→ **Exercise aim**
In this material, which lines include the string "IFCRELAGGREGATES"? Show them.

·····

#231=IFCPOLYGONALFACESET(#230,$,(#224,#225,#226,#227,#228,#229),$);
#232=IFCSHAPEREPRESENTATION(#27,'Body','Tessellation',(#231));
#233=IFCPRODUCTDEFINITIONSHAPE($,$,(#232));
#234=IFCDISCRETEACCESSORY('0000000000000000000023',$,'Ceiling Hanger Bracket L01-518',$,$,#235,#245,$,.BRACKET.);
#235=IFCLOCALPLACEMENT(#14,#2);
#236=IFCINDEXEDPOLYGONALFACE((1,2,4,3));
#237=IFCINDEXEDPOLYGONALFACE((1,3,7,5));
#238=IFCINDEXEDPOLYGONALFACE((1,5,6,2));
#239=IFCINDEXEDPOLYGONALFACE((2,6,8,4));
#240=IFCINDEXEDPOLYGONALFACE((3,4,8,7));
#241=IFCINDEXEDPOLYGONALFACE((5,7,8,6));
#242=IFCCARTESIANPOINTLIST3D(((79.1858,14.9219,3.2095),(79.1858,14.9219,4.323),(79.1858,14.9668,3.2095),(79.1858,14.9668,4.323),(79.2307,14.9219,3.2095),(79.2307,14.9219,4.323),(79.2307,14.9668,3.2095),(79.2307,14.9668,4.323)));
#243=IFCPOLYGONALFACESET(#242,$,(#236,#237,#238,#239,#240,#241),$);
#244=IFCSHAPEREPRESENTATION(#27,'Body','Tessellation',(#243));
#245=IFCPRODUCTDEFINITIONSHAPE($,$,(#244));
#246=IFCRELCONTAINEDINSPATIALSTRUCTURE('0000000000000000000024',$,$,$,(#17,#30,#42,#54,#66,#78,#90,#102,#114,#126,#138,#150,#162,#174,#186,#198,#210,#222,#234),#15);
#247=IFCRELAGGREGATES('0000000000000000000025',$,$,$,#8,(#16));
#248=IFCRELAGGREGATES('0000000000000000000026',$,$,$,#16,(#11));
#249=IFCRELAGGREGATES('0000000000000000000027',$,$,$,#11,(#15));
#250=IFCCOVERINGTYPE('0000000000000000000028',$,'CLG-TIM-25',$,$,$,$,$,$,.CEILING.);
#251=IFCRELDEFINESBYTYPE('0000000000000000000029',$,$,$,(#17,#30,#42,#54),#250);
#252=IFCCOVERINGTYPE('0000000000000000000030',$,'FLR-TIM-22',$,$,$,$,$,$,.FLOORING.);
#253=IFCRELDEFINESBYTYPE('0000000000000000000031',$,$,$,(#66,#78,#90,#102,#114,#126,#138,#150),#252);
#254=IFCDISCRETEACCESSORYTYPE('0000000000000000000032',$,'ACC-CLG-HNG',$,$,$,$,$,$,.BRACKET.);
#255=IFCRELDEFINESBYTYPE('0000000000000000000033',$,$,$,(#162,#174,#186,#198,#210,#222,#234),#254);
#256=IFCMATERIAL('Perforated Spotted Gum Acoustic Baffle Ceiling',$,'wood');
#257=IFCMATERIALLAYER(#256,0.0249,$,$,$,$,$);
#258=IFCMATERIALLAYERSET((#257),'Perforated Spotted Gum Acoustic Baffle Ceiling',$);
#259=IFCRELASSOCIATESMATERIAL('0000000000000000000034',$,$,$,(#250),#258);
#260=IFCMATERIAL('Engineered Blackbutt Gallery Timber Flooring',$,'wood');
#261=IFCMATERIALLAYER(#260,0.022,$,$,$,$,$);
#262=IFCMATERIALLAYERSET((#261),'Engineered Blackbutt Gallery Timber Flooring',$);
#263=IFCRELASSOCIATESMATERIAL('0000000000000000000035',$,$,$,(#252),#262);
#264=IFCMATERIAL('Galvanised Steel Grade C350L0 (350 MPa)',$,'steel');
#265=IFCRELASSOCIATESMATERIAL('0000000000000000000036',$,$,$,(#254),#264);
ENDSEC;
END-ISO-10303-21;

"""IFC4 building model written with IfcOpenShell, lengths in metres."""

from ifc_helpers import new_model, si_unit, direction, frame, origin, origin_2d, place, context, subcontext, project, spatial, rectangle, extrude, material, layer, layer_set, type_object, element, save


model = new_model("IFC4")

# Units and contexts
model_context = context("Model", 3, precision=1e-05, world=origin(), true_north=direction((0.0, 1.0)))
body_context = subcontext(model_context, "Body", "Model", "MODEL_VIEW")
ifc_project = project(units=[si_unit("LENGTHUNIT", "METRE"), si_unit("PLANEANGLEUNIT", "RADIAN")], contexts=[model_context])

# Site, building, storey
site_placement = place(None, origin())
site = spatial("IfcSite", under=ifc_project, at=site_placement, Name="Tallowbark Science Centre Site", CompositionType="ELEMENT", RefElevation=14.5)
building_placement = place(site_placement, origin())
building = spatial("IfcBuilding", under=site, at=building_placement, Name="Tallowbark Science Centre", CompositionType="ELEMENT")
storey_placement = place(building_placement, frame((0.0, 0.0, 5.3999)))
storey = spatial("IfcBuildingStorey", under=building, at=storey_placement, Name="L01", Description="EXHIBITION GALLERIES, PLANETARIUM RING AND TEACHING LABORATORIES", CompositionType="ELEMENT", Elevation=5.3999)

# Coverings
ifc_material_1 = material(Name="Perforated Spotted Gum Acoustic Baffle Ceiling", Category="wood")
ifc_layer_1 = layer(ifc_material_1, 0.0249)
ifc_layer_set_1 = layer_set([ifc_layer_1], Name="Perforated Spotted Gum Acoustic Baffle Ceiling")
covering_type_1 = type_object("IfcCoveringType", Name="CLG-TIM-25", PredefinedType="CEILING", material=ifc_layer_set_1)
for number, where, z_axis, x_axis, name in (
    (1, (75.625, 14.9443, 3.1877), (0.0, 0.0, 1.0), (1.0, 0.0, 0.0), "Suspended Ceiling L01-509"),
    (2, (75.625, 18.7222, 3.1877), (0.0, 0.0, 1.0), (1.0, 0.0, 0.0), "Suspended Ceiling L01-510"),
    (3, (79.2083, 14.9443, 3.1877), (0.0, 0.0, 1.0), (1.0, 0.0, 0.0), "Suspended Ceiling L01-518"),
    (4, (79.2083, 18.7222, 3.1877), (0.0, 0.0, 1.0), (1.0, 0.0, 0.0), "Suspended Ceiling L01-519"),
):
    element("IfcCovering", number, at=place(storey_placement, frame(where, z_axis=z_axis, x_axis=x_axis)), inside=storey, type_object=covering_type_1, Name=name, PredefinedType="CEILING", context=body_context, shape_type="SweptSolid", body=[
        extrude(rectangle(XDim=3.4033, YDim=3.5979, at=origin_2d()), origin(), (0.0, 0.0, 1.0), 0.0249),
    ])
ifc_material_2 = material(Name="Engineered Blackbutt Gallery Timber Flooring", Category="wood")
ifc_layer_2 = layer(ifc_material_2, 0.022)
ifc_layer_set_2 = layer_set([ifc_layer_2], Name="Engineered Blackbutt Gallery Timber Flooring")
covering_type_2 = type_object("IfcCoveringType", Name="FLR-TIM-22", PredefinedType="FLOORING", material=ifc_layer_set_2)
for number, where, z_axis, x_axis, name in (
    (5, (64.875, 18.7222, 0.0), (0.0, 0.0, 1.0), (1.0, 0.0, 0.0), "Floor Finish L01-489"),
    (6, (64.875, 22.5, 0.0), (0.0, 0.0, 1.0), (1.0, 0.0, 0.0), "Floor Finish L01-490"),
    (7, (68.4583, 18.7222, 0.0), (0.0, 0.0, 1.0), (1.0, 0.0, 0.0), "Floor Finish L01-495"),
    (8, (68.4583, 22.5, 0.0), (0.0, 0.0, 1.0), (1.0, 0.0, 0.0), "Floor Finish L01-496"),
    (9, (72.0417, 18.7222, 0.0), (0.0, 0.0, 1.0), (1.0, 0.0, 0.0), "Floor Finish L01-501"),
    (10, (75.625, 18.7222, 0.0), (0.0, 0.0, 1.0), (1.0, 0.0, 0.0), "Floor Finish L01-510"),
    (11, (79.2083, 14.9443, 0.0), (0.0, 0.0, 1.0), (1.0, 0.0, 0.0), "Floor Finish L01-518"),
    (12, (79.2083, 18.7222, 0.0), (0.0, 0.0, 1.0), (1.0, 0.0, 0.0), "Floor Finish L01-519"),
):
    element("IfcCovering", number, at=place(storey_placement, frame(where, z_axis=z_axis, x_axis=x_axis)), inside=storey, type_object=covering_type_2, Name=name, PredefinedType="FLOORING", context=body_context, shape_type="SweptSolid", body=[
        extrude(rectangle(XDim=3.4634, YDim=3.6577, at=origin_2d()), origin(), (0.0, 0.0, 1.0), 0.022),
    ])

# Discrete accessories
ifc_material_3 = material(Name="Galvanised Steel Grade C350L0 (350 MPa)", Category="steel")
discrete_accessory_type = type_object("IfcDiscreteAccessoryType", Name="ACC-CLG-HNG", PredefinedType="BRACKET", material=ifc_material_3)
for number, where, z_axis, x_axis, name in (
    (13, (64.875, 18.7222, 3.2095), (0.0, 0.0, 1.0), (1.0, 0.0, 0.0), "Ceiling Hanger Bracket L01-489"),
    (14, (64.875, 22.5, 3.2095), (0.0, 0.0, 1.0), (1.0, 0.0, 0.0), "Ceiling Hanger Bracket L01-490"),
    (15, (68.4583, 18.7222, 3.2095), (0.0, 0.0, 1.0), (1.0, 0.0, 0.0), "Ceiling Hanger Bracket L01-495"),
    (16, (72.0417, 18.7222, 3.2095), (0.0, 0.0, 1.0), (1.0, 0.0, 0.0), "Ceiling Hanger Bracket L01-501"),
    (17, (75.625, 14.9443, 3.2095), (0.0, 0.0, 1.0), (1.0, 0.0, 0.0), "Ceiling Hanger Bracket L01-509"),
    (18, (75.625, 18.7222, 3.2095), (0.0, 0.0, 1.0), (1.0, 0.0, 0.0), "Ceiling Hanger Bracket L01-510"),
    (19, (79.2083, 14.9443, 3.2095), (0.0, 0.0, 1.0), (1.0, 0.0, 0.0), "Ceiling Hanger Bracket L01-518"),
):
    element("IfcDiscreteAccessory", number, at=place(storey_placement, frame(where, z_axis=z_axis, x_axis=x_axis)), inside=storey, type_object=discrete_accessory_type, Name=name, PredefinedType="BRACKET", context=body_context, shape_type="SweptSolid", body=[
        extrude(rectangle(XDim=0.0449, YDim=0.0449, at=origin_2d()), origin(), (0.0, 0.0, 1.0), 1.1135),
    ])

·····

→ **Answer for the task**
#247=IFCRELAGGREGATES('0000000000000000000025',$,$,$,#8,(#16));
#248=IFCRELAGGREGATES('0000000000000000000026',$,$,$,#16,(#11));
#249=IFCRELAGGREGATES('0000000000000000000027',$,$,$,#11,(#15));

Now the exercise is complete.